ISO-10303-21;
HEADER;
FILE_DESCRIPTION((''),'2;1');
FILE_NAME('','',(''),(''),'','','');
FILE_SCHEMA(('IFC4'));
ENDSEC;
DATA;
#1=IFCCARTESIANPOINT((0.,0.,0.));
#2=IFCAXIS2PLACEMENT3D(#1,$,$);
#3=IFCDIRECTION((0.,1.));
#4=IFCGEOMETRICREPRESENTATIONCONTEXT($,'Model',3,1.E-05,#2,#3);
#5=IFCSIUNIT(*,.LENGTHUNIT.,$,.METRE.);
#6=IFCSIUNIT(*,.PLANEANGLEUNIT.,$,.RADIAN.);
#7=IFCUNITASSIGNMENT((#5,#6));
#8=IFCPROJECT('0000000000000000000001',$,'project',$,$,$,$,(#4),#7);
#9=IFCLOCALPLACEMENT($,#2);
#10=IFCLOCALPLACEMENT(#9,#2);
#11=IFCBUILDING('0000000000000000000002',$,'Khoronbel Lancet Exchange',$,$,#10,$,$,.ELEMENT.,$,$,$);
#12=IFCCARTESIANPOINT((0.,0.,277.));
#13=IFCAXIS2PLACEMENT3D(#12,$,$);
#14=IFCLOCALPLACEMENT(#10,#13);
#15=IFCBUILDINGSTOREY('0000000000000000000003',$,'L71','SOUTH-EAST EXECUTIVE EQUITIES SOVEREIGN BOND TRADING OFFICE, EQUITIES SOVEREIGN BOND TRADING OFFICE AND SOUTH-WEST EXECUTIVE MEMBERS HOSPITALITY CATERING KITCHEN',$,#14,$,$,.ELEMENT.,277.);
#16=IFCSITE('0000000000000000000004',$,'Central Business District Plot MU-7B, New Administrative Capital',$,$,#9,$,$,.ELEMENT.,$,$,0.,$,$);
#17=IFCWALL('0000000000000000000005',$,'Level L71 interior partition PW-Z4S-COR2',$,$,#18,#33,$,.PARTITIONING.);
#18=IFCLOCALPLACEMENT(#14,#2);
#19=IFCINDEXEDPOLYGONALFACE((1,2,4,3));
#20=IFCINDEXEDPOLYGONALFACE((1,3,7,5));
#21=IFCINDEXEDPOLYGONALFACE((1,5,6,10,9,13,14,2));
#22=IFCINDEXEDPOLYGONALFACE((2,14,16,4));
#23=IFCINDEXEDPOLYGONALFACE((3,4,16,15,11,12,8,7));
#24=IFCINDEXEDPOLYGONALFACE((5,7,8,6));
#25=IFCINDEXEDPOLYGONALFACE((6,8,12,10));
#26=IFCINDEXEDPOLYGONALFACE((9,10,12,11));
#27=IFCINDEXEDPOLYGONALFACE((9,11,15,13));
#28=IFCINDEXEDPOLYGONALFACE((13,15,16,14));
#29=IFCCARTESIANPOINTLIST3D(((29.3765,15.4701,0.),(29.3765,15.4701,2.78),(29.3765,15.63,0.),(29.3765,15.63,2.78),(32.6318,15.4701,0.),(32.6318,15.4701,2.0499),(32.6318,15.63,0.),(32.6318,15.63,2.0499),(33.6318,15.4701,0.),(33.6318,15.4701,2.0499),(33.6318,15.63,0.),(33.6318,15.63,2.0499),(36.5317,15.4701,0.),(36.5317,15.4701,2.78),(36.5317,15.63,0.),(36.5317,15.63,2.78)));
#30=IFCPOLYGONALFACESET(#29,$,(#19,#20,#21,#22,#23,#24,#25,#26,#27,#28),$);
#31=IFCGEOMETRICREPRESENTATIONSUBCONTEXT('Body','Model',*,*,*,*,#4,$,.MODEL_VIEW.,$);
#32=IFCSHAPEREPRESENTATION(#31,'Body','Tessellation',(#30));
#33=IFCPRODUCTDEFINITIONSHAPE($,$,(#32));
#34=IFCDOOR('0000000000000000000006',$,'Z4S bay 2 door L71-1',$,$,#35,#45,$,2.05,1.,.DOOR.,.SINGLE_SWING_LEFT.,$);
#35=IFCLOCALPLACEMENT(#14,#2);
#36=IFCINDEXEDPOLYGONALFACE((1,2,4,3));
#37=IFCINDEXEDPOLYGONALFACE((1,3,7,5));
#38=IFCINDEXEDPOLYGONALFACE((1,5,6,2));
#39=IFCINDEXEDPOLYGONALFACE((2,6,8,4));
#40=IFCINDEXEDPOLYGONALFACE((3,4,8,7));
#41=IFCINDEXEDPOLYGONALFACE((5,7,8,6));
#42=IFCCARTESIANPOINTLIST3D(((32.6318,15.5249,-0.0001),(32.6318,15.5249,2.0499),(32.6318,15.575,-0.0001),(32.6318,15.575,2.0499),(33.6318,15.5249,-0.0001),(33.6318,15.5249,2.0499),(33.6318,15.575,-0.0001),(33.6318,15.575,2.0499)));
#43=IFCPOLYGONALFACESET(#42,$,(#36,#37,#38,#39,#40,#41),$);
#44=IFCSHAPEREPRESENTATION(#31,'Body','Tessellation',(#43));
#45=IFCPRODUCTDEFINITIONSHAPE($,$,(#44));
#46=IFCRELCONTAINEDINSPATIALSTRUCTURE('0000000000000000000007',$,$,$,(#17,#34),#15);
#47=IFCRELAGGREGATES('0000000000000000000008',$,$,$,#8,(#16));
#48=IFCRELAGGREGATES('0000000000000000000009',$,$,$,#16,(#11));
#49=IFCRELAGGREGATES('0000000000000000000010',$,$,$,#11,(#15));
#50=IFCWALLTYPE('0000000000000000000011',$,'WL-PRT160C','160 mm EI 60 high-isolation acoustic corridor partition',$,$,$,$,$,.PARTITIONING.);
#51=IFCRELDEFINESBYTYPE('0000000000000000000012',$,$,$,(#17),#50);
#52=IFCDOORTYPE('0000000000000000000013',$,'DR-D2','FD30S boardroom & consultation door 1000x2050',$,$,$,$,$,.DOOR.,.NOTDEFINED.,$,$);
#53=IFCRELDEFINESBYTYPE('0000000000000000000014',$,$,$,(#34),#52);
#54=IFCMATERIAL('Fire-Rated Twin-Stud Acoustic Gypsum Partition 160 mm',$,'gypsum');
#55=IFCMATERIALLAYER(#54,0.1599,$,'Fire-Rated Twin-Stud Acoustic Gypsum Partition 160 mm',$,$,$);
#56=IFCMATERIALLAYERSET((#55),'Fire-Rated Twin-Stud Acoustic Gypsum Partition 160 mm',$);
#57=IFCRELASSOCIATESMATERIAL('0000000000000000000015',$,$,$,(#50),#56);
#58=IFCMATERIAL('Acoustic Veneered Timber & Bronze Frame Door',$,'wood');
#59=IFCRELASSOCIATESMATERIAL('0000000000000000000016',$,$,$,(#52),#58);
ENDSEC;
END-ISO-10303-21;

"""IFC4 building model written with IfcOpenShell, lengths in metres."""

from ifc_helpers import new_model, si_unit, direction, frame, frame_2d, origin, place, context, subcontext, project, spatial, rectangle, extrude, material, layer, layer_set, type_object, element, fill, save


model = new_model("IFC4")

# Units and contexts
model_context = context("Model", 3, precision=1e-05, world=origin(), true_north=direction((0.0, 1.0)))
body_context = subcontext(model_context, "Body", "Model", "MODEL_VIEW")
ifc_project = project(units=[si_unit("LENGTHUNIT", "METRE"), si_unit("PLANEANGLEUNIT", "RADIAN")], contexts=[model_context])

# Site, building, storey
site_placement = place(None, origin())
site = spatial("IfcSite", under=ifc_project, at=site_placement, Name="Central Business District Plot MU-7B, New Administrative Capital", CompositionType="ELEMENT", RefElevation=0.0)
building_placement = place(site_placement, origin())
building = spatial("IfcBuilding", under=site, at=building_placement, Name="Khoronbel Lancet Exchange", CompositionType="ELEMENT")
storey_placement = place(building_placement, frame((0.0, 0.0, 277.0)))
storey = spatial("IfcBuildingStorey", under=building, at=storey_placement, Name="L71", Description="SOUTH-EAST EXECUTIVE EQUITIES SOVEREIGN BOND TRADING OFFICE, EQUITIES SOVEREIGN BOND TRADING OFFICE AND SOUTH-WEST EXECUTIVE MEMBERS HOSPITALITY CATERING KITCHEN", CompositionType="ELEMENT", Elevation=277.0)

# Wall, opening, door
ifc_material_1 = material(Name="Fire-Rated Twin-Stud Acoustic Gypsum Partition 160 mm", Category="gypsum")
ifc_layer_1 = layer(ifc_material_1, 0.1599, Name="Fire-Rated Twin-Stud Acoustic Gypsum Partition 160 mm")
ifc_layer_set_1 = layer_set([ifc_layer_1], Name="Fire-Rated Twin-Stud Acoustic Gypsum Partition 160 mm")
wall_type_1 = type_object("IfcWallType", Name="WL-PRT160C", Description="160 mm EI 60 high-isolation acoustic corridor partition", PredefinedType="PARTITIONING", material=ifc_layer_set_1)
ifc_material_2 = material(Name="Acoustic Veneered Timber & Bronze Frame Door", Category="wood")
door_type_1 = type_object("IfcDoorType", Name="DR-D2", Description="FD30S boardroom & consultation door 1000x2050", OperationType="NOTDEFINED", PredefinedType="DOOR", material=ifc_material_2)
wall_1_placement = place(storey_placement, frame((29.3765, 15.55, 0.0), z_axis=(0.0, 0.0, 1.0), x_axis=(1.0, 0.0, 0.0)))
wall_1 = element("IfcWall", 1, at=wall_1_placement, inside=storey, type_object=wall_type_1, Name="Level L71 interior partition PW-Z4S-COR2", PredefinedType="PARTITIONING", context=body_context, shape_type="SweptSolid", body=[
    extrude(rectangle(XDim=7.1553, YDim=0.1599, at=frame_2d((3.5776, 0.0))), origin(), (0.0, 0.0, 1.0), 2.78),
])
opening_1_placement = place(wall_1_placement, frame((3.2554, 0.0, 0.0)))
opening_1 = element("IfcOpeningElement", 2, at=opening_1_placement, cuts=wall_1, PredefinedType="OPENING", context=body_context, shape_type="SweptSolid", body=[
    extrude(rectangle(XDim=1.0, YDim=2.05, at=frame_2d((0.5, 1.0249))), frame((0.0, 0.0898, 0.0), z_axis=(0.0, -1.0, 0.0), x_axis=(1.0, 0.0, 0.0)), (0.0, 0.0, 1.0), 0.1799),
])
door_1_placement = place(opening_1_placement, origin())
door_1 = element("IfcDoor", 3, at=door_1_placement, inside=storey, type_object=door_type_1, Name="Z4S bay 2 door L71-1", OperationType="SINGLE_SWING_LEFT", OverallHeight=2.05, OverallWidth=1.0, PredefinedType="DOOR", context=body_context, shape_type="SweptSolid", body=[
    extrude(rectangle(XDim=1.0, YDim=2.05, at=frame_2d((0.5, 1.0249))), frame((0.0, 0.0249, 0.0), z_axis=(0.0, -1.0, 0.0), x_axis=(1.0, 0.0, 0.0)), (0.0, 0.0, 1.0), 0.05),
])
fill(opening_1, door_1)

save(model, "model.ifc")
━━━━
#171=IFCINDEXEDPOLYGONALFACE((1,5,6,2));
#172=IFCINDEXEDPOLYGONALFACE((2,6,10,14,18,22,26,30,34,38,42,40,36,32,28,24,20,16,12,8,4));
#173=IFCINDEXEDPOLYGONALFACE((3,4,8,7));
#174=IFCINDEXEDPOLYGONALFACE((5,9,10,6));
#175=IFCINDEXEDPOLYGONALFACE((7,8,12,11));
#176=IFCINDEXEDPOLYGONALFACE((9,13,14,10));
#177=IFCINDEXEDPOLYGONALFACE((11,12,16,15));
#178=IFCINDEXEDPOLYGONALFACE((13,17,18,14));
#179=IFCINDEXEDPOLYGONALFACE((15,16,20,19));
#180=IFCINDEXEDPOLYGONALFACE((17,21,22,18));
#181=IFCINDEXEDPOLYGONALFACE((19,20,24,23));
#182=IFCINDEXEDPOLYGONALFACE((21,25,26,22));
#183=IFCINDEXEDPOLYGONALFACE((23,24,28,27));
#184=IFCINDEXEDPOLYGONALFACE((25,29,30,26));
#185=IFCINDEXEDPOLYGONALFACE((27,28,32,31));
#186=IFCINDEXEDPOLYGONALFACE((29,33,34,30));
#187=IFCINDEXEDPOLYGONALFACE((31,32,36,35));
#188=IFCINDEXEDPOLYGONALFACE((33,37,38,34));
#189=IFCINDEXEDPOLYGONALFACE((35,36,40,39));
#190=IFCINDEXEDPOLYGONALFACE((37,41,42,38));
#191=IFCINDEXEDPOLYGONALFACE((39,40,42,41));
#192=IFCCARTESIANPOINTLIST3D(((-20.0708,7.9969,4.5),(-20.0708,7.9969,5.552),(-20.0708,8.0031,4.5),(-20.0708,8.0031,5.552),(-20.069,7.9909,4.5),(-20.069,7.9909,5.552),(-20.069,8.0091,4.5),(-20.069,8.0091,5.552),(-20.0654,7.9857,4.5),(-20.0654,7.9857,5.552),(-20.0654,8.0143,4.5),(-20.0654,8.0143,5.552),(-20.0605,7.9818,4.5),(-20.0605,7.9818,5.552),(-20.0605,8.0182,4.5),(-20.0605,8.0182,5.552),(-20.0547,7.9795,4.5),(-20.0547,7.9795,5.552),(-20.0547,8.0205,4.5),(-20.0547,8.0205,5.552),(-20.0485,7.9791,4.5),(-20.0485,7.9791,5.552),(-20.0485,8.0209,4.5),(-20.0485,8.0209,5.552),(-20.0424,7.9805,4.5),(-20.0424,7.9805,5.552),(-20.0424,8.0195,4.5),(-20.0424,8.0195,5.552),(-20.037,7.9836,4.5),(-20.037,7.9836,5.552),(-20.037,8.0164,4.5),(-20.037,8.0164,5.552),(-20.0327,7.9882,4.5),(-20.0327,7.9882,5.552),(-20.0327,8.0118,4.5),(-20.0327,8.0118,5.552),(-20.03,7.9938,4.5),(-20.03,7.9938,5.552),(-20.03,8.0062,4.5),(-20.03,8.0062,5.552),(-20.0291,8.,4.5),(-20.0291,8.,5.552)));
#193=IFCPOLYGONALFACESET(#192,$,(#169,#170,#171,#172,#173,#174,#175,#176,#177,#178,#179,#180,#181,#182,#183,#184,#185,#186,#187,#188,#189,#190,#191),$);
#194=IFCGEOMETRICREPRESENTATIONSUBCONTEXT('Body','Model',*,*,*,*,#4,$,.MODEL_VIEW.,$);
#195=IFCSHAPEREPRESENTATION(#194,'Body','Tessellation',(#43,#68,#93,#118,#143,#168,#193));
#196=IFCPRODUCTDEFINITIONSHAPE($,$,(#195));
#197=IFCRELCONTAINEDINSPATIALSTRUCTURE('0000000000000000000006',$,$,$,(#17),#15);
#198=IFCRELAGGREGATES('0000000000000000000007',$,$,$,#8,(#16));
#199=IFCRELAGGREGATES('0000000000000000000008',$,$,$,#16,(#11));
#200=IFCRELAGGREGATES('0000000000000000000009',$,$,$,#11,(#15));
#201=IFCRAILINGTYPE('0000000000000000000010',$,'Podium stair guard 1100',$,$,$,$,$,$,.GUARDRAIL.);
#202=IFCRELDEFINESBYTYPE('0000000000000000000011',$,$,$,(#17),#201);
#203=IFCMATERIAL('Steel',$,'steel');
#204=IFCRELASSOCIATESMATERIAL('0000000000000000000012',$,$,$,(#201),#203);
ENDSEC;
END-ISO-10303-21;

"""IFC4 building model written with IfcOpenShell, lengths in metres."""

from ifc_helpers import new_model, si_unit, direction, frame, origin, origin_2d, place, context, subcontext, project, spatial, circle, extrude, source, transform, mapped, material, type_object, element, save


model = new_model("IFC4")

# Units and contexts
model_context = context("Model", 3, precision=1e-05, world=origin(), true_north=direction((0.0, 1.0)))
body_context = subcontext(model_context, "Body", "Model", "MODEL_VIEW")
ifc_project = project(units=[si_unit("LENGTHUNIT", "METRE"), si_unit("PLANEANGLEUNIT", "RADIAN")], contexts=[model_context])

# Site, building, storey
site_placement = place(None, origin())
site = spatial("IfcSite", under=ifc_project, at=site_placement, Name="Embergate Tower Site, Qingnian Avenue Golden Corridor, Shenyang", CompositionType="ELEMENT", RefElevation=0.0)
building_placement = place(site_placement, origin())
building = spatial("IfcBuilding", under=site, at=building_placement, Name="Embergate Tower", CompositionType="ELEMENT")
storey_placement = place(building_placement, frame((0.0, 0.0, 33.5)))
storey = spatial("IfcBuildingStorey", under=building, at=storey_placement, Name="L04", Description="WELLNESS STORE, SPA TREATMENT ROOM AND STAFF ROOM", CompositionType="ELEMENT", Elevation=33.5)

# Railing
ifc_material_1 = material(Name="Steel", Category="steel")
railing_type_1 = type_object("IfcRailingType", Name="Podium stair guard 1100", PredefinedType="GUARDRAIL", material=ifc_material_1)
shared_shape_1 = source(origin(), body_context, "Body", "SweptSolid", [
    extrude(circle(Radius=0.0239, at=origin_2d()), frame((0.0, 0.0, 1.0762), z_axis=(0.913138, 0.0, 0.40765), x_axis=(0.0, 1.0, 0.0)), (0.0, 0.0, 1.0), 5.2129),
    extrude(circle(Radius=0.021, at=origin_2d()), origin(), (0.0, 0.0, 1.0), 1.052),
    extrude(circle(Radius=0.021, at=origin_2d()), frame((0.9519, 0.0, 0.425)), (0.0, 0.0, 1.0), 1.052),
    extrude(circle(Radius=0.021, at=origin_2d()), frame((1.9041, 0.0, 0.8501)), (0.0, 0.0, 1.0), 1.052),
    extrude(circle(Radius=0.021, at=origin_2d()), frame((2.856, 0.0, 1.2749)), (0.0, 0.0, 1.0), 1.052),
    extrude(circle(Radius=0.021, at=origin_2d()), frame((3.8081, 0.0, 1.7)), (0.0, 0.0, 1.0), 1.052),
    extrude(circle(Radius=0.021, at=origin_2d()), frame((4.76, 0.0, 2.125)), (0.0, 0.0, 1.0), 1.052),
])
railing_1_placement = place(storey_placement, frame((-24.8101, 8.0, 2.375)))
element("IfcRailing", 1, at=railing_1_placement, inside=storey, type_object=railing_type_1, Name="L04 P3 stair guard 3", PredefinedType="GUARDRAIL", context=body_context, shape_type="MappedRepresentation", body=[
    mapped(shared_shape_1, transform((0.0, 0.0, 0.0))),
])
━━━━
▶ _TASK DIRECTIONS_:
From the records above, copy every line that holds the word "steel".

▶ _RESULT_:
#203=IFCMATERIAL('Steel',$,'steel');
ifc_material_1 = material(Name="Steel", Category="steel")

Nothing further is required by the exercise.